* **WHAT THE EXERCISE ASKS**
Starting at the line that holds "#132=IFCPRODUCTDEFINITIONSHAPE($,$,(#131));" and stopping at the line that holds "#135=IFCRELAGGREGATES('0000000000000000000013',$,$,$,#8,(#16));", restate the records below word for word, with both of those lines included.

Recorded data
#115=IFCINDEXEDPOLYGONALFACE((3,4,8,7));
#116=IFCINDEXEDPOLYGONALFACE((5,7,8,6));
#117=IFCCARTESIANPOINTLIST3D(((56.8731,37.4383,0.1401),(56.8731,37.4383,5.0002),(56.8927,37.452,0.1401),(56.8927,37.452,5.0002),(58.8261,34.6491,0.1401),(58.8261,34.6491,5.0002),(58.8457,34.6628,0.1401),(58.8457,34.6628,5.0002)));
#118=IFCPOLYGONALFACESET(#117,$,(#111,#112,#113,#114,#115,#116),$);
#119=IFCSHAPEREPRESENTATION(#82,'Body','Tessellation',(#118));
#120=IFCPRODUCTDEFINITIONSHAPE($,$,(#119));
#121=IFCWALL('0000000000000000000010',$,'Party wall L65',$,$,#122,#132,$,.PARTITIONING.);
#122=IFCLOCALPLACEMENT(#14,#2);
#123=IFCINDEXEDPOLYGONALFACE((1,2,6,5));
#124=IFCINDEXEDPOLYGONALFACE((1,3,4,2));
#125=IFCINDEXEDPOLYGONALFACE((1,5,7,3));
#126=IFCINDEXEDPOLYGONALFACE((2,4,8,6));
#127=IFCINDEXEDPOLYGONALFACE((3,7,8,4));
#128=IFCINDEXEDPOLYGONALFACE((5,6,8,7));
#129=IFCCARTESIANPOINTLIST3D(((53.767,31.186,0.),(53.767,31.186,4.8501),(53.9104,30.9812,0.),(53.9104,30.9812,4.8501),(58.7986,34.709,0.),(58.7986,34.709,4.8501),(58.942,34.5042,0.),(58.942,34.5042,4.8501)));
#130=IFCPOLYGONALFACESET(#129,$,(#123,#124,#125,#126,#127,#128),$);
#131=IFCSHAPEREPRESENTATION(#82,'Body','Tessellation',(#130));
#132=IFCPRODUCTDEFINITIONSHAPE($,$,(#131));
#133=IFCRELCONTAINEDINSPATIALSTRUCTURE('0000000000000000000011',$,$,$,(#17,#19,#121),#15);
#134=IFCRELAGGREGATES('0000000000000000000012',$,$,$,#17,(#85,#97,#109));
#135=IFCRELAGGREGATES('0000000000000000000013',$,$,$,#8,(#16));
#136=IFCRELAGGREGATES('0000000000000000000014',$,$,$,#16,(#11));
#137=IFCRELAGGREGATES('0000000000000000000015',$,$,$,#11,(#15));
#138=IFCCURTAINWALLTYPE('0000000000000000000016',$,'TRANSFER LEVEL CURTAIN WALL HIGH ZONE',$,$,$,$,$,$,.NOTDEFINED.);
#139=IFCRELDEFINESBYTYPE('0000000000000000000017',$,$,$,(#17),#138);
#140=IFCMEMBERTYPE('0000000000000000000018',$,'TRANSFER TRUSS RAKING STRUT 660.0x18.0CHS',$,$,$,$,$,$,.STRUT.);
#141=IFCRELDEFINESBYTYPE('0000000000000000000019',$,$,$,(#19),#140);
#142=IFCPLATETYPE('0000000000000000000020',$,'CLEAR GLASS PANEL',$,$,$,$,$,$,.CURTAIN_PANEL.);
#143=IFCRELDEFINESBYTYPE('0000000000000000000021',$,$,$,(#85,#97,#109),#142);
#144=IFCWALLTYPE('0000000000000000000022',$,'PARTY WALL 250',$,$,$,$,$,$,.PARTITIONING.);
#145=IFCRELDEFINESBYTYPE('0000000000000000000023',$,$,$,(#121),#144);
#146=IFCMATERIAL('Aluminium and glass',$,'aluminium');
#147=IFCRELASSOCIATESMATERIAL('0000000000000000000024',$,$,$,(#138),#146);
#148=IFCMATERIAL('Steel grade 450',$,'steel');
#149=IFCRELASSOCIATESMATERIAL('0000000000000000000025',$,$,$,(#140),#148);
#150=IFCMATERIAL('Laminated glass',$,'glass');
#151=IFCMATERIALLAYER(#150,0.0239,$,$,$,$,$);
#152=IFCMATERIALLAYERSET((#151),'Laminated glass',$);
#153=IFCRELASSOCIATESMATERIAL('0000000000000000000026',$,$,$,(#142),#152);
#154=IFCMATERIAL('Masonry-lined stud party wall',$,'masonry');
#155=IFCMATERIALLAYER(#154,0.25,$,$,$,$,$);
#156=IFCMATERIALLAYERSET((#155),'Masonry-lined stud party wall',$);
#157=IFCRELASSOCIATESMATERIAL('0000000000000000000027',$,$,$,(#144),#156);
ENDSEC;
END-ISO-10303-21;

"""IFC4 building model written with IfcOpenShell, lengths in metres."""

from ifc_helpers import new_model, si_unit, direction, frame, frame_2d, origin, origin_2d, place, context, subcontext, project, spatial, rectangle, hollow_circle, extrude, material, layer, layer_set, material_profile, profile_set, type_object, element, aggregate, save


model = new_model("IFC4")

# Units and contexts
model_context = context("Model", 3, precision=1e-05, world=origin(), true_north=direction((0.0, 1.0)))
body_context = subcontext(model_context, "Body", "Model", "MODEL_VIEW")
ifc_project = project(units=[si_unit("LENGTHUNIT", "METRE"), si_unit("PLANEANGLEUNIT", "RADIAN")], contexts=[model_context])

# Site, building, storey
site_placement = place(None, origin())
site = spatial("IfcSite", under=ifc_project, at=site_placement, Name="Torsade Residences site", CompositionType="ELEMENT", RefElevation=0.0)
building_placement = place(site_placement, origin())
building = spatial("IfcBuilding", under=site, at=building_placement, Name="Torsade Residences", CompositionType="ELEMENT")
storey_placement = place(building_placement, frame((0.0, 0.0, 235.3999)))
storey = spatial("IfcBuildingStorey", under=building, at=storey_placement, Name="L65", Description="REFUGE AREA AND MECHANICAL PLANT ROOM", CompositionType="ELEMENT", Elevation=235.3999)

* **RESPONSE TO THE EXERCISE**
#132=IFCPRODUCTDEFINITIONSHAPE($,$,(#131));
#133=IFCRELCONTAINEDINSPATIALSTRUCTURE('0000000000000000000011',$,$,$,(#17,#19,#121),#15);
#134=IFCRELAGGREGATES('0000000000000000000012',$,$,$,#17,(#85,#97,#109));
#135=IFCRELAGGREGATES('0000000000000000000013',$,$,$,#8,(#16));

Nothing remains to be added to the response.